Of all the lines below, return only those starting with the line holding "#166=IFCINDEXEDPOLYGONALFACE((21,25,27,23));" and going on through the line holding "#183=IFCINDEXEDPOLYGONALFACE((54,56,60,58));", exactly as written.

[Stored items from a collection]
[Start of Attachment]

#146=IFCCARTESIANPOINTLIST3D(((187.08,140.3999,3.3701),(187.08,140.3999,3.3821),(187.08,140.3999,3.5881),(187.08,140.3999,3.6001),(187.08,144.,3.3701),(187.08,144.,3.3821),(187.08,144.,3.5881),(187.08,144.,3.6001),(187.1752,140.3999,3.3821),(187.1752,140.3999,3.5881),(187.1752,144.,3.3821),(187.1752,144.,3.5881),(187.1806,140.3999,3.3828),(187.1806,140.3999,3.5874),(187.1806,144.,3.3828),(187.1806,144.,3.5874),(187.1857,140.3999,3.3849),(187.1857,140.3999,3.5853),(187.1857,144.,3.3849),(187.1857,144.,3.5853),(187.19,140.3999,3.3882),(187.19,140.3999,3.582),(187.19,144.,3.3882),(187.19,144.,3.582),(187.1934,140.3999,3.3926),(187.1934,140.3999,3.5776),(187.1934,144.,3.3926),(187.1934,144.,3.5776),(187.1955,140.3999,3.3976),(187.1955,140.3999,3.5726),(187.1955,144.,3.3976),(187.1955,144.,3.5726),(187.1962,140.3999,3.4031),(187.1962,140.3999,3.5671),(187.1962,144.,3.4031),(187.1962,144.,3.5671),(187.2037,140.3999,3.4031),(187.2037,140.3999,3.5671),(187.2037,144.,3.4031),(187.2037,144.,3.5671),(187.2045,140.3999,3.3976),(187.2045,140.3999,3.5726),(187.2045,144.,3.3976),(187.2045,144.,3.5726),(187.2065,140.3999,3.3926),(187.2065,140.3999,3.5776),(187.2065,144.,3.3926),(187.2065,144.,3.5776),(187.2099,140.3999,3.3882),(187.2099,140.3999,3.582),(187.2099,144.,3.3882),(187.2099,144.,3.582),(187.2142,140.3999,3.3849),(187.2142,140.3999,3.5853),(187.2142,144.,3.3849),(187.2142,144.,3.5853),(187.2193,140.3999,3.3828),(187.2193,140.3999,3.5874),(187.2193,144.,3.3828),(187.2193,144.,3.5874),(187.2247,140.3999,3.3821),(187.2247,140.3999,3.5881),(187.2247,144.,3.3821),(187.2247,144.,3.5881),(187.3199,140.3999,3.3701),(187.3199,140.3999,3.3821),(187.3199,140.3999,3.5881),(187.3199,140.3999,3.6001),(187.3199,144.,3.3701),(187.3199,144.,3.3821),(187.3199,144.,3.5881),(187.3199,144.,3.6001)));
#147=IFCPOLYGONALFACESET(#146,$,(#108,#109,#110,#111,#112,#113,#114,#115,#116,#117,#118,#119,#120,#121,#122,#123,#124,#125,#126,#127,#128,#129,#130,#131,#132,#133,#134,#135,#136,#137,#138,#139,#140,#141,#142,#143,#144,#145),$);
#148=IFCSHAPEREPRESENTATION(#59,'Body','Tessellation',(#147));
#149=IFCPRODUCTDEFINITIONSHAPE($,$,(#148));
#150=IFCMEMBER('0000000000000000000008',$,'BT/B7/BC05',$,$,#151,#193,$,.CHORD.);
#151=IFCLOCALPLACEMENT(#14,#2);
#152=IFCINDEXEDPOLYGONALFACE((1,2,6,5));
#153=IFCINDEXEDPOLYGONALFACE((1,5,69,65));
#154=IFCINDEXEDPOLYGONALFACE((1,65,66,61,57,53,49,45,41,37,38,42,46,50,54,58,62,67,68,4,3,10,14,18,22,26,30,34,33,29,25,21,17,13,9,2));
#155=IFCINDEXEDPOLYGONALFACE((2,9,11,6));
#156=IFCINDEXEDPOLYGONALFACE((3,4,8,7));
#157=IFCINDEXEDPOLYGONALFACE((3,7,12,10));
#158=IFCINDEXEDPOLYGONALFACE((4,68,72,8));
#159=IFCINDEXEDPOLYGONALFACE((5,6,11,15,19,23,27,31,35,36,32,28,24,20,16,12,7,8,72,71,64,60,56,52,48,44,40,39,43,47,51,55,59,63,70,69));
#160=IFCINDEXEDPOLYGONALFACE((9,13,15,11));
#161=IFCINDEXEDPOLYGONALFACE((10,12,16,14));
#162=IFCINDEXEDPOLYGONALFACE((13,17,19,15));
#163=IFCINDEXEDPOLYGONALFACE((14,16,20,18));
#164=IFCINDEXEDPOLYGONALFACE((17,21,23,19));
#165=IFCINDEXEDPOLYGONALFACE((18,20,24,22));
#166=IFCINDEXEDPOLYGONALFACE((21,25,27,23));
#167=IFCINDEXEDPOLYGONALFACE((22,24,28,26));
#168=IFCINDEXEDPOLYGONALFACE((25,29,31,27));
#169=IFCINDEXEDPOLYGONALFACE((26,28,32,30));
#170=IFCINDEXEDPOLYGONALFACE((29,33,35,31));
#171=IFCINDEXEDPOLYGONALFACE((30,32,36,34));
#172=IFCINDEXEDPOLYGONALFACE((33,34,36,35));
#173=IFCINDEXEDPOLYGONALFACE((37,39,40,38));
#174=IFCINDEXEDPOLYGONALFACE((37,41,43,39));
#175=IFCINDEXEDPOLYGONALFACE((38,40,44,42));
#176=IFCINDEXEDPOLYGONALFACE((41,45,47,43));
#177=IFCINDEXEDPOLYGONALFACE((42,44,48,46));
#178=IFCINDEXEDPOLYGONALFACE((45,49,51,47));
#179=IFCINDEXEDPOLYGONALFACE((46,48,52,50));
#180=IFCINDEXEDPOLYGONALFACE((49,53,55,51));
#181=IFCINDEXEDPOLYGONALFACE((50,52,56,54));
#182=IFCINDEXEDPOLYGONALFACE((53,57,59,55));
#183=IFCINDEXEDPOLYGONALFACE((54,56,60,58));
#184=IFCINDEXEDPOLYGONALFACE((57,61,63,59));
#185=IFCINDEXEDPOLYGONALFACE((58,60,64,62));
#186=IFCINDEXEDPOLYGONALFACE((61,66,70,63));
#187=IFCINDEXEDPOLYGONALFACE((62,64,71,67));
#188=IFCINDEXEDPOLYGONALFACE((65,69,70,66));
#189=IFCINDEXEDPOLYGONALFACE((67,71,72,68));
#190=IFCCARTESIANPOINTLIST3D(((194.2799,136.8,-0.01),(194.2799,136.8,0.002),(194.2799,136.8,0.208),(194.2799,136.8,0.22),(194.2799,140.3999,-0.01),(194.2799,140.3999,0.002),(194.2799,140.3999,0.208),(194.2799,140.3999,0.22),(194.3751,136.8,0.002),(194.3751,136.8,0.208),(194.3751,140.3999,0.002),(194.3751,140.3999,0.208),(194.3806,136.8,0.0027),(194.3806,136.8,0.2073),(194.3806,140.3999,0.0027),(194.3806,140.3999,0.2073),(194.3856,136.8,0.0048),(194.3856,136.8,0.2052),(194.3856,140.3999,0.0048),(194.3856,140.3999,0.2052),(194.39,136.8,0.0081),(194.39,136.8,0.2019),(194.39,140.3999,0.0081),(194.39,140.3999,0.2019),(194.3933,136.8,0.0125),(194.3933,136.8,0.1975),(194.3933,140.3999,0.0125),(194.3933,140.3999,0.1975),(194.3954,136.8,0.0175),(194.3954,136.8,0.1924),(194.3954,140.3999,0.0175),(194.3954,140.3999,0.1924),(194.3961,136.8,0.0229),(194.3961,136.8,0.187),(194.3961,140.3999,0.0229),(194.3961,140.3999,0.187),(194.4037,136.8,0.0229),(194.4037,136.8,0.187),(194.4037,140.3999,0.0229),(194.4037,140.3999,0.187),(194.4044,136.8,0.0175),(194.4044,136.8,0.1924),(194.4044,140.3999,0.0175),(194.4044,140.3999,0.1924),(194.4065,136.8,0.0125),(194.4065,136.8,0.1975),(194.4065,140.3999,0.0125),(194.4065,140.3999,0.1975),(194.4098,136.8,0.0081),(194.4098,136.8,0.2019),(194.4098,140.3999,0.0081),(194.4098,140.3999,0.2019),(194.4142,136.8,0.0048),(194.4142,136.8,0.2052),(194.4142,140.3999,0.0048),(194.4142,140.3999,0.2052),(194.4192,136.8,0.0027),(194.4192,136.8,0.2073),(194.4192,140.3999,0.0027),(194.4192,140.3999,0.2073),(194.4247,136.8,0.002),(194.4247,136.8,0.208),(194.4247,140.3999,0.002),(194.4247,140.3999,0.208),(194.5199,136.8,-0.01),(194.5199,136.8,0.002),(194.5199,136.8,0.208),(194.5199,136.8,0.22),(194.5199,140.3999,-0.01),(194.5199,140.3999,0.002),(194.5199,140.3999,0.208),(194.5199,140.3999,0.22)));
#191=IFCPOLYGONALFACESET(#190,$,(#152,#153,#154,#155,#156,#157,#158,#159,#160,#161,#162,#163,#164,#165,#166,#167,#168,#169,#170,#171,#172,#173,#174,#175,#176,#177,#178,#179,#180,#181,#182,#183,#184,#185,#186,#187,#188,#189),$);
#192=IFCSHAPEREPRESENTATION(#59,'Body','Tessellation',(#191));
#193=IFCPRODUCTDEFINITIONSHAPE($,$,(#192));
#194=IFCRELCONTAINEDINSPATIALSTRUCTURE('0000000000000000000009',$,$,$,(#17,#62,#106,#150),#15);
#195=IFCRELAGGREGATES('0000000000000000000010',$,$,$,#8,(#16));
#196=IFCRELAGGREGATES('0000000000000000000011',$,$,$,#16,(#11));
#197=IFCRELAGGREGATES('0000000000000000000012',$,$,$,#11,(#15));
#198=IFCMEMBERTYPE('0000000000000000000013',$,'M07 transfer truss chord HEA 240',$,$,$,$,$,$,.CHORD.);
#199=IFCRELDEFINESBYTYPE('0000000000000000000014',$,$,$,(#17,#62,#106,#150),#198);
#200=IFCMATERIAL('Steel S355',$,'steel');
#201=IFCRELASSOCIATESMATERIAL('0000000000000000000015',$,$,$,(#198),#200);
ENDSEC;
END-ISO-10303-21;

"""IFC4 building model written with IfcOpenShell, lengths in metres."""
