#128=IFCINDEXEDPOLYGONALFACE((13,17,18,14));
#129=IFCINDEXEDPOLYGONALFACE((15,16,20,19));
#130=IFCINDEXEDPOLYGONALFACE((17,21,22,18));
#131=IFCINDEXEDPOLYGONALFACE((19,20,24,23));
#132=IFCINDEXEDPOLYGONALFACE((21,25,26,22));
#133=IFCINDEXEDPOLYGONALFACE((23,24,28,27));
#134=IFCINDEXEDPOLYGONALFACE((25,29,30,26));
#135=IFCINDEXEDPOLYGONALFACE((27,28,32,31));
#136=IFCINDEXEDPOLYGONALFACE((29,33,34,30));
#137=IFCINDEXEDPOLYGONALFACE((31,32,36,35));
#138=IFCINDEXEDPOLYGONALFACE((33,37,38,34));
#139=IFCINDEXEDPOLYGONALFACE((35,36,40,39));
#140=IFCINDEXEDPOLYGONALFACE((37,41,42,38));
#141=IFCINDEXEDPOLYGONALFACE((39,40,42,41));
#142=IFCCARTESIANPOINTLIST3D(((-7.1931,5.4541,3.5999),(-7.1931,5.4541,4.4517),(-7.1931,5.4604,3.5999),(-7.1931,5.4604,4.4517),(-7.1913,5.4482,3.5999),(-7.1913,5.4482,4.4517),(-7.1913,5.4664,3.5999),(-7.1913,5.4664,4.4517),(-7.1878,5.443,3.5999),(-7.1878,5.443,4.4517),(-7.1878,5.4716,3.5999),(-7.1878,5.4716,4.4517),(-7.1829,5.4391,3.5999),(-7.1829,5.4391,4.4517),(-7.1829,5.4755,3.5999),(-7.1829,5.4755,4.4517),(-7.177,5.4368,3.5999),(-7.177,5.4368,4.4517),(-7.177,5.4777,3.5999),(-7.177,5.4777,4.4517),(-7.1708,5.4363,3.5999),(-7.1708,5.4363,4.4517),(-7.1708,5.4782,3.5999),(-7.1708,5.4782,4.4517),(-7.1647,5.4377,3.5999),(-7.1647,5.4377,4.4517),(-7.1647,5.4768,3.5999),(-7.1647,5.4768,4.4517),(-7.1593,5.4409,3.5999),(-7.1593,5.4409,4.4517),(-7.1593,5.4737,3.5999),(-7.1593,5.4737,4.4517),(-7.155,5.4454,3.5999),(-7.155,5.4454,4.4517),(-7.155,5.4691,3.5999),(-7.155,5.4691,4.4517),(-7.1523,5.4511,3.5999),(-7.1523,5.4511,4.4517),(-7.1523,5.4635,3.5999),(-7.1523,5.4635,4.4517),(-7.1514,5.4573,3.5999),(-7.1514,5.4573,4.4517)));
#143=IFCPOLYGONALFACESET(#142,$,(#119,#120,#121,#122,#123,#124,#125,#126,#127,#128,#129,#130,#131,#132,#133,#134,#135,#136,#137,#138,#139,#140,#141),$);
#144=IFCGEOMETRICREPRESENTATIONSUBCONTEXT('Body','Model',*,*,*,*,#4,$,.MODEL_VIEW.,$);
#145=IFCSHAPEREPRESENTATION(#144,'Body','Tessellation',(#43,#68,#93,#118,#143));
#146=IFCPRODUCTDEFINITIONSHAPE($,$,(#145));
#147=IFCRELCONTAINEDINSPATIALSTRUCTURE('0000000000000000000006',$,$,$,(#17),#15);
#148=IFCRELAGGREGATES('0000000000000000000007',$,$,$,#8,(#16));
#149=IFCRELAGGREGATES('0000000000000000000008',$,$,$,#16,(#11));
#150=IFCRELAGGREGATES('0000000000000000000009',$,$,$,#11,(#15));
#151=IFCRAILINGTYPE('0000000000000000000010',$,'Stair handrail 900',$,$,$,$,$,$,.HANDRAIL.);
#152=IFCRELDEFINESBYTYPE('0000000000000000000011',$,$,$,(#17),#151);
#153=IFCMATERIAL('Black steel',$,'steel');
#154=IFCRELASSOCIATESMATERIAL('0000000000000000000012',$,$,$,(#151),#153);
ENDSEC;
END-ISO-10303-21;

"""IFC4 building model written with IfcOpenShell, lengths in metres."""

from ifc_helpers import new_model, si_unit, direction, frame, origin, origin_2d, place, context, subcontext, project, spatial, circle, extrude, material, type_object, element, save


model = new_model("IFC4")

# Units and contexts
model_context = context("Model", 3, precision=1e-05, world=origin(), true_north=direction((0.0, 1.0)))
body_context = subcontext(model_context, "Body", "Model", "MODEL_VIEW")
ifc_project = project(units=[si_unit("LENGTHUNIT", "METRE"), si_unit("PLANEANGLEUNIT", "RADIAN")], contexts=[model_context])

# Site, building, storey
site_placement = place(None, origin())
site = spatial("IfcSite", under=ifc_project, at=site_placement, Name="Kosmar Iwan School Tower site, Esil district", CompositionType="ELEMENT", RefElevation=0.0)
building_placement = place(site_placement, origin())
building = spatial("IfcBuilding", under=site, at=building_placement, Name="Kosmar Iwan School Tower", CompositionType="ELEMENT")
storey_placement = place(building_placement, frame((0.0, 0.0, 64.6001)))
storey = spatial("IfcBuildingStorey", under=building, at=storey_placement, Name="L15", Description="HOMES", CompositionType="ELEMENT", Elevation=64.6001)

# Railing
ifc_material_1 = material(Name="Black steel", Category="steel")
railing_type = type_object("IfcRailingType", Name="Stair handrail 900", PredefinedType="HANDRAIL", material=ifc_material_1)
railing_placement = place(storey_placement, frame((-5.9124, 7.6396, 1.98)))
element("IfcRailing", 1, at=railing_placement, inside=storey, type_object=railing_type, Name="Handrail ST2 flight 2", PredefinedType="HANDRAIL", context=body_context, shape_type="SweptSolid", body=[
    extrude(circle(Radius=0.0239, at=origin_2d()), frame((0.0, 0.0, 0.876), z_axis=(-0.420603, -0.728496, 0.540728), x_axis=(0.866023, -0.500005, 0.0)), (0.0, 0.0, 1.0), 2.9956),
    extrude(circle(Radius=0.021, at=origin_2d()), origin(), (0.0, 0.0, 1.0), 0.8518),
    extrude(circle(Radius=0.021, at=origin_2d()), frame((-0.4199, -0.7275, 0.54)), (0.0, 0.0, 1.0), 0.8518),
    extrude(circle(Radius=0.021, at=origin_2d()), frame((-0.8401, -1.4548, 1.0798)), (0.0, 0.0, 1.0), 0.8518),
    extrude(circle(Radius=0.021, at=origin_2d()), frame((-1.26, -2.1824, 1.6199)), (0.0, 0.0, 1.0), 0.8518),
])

[End of Attachment]

* **ANSWER BOX**:
#166=IFCINDEXEDPOLYGONALFACE((21,25,27,23));
#167=IFCINDEXEDPOLYGONALFACE((22,24,28,26));
#168=IFCINDEXEDPOLYGONALFACE((25,29,31,27));
#169=IFCINDEXEDPOLYGONALFACE((26,28,32,30));
#170=IFCINDEXEDPOLYGONALFACE((29,33,35,31));
#171=IFCINDEXEDPOLYGONALFACE((30,32,36,34));
#172=IFCINDEXEDPOLYGONALFACE((33,34,36,35));
#173=IFCINDEXEDPOLYGONALFACE((37,39,40,38));
#174=IFCINDEXEDPOLYGONALFACE((37,41,43,39));
#175=IFCINDEXEDPOLYGONALFACE((38,40,44,42));
#176=IFCINDEXEDPOLYGONALFACE((41,45,47,43));
#177=IFCINDEXEDPOLYGONALFACE((42,44,48,46));
#178=IFCINDEXEDPOLYGONALFACE((45,49,51,47));
#179=IFCINDEXEDPOLYGONALFACE((46,48,52,50));
#180=IFCINDEXEDPOLYGONALFACE((49,53,55,51));
#181=IFCINDEXEDPOLYGONALFACE((50,52,56,54));
#182=IFCINDEXEDPOLYGONALFACE((53,57,59,55));
#183=IFCINDEXEDPOLYGONALFACE((54,56,60,58));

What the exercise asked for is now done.